GOAL OF THE EXERCISE: Please copy every line below that contains the string "import".

Stored items:
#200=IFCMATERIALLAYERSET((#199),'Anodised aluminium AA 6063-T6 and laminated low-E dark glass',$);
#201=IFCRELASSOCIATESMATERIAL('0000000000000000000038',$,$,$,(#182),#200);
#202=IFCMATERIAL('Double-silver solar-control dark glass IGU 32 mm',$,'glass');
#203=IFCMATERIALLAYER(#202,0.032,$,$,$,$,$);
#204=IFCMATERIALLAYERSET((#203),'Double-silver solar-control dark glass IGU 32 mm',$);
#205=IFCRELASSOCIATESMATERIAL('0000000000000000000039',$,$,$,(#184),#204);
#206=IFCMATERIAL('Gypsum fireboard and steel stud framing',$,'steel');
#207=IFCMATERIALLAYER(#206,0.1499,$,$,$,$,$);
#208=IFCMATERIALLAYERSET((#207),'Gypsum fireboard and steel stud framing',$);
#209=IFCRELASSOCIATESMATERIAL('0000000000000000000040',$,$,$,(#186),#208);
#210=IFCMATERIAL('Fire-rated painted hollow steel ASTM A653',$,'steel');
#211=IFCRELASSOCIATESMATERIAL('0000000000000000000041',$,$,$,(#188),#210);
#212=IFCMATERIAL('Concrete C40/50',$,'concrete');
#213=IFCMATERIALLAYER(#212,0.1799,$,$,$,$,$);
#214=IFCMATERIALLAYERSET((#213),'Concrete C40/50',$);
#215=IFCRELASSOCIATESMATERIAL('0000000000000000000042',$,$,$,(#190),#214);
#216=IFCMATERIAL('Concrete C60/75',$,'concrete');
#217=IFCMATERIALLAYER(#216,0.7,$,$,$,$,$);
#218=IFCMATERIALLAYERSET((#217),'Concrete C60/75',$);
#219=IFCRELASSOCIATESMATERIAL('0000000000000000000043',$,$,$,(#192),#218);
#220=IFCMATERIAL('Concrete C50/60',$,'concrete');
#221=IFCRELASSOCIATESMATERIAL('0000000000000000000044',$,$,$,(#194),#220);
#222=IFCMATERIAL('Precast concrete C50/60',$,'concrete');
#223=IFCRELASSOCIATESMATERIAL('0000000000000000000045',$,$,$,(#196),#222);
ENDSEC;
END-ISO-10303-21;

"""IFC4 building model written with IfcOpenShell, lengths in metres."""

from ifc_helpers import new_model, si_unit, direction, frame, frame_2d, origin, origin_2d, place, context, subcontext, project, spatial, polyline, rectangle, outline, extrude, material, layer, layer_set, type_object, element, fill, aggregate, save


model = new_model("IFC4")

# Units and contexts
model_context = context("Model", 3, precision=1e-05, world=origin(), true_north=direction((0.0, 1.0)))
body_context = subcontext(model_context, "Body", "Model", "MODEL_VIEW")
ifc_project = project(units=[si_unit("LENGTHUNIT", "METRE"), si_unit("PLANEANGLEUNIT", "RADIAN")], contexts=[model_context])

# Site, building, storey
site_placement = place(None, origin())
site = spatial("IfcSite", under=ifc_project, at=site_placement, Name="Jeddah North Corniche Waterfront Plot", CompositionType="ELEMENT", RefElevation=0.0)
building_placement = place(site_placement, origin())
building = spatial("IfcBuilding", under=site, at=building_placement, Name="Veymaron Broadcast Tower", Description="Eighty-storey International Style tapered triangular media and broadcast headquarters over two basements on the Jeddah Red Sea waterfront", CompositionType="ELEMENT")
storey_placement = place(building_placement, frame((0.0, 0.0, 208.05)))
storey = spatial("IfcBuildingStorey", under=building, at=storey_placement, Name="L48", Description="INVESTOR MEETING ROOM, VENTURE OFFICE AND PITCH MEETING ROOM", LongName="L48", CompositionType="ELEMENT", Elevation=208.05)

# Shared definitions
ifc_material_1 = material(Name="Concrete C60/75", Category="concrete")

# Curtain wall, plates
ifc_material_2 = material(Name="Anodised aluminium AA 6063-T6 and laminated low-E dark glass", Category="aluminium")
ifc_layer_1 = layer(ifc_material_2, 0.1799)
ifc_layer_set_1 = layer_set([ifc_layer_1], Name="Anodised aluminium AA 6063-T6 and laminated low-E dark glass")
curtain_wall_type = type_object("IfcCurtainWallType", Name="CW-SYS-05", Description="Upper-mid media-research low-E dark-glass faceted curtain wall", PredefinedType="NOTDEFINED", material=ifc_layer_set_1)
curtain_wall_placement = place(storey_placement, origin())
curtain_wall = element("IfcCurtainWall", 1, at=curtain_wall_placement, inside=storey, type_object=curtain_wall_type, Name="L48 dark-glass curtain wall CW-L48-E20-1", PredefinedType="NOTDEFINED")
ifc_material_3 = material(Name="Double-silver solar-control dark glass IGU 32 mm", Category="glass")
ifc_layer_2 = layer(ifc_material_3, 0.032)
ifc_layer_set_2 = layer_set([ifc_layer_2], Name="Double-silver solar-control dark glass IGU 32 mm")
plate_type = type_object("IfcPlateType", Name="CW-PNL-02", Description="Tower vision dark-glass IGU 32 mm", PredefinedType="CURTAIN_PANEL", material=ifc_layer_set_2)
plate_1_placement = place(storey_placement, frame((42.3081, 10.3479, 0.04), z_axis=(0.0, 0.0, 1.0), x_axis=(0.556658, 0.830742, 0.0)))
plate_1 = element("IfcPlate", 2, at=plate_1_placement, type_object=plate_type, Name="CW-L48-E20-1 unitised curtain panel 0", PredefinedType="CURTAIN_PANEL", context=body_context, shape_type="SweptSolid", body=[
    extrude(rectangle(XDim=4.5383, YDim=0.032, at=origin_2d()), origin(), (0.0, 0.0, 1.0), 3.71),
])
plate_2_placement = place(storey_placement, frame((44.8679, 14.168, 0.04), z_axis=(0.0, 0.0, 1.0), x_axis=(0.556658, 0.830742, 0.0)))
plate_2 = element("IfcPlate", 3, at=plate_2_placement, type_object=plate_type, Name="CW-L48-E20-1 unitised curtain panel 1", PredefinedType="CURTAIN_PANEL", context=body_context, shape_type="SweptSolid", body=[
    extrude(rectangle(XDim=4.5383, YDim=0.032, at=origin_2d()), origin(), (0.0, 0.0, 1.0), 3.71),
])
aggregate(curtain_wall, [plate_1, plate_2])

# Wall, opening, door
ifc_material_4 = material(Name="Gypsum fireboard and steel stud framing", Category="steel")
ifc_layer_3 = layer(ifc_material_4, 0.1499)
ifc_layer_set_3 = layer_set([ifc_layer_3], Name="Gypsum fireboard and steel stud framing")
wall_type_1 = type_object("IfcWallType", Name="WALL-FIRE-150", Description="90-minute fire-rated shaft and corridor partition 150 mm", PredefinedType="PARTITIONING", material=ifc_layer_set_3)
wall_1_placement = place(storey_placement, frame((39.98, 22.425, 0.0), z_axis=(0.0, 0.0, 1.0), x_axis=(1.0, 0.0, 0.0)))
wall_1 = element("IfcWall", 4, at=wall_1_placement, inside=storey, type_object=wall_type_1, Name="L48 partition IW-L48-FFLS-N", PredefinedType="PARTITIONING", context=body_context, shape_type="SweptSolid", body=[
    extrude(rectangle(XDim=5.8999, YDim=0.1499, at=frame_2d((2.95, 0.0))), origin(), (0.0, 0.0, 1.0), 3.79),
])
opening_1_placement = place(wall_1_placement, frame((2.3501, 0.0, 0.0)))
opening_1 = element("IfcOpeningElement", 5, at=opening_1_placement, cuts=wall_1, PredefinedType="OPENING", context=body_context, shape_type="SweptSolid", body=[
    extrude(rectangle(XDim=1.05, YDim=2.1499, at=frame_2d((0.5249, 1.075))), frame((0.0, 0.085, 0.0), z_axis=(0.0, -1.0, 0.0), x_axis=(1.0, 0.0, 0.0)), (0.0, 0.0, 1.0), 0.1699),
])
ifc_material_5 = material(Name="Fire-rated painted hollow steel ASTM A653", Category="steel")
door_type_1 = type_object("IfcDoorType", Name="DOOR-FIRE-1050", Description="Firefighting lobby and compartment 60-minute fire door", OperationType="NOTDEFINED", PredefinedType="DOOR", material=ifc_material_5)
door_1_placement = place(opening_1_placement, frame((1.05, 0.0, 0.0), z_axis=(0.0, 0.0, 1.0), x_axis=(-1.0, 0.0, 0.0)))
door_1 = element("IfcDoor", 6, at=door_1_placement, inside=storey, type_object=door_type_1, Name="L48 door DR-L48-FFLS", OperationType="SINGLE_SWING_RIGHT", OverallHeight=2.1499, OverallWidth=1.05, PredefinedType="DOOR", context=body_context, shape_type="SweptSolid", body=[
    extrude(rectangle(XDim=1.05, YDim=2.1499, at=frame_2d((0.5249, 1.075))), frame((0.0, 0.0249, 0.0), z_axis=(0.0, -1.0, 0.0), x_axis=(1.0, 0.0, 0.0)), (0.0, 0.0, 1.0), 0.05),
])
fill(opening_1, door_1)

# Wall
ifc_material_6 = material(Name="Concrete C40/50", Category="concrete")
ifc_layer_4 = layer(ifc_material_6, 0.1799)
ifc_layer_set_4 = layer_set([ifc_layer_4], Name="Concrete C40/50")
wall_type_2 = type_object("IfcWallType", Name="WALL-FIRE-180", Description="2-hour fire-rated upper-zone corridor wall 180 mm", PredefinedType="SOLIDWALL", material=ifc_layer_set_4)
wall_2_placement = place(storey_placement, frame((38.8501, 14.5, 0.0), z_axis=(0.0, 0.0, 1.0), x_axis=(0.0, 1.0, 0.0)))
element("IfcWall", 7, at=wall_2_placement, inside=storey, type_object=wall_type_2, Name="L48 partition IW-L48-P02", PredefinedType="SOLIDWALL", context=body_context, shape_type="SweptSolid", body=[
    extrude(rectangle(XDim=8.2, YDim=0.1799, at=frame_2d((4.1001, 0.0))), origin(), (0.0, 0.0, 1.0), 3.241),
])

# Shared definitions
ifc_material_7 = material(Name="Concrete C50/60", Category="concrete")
--
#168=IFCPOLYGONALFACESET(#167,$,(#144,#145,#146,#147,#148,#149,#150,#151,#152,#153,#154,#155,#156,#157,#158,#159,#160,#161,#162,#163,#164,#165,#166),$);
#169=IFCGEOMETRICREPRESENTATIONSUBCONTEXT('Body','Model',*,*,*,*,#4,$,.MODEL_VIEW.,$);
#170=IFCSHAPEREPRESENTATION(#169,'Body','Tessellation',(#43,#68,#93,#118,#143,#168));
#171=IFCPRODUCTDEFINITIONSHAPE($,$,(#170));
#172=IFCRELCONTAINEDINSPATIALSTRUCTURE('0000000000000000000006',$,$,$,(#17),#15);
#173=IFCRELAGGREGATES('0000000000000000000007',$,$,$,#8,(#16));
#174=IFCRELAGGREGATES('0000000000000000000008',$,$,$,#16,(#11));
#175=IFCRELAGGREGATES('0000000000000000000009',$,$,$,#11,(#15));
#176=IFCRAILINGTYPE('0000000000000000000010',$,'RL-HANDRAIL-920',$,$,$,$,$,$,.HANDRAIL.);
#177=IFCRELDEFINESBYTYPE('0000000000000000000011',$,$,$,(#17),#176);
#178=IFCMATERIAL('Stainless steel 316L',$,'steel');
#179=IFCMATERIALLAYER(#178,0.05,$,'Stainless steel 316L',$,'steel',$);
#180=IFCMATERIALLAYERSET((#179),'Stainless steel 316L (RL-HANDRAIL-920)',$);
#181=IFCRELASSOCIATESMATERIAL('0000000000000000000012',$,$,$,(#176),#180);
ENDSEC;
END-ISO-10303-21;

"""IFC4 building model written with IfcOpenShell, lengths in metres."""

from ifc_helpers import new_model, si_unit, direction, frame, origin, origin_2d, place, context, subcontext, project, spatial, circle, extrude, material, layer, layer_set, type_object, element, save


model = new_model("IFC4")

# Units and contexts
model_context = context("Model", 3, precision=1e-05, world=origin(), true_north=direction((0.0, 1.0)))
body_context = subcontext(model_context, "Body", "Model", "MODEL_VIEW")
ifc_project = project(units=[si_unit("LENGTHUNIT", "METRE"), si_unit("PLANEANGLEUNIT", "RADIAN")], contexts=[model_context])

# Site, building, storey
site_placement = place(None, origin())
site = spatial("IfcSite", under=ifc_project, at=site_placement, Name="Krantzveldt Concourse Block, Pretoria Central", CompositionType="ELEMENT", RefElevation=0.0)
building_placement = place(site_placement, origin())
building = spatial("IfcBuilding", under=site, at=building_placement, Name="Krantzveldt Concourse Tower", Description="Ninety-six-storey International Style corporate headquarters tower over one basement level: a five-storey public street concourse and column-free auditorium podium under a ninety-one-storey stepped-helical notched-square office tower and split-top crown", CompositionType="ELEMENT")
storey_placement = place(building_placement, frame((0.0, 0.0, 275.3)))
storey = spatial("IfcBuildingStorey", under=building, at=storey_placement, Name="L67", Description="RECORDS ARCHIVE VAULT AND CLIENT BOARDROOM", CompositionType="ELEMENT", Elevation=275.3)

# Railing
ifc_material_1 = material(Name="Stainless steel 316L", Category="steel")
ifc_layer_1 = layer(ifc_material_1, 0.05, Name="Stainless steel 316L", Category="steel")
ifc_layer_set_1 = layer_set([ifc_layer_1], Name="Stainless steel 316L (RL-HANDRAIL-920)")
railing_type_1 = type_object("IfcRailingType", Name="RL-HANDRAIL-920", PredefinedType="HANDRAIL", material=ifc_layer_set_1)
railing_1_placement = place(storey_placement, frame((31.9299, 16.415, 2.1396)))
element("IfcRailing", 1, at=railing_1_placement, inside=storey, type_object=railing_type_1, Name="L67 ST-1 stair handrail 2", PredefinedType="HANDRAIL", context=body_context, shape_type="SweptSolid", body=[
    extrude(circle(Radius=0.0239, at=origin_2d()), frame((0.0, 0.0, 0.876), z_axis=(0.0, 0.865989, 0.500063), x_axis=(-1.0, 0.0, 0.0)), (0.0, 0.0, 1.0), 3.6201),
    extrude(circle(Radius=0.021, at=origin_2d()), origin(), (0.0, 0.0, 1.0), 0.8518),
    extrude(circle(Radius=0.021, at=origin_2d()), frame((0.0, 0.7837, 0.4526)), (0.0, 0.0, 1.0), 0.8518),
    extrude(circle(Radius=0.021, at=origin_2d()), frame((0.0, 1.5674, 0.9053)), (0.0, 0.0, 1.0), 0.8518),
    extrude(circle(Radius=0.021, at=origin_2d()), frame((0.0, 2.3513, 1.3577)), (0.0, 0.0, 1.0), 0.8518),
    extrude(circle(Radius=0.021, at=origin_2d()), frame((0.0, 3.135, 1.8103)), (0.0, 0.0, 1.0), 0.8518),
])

SOLUTION FOR THIS TASK:
from ifc_helpers import new_model, si_unit, direction, frame, frame_2d, origin, origin_2d, place, context, subcontext, project, spatial, polyline, rectangle, outline, extrude, material, layer, layer_set, type_object, element, fill, aggregate, save
from ifc_helpers import new_model, si_unit, direction, frame, origin, origin_2d, place, context, subcontext, project, spatial, circle, extrude, material, layer, layer_set, type_object, element, save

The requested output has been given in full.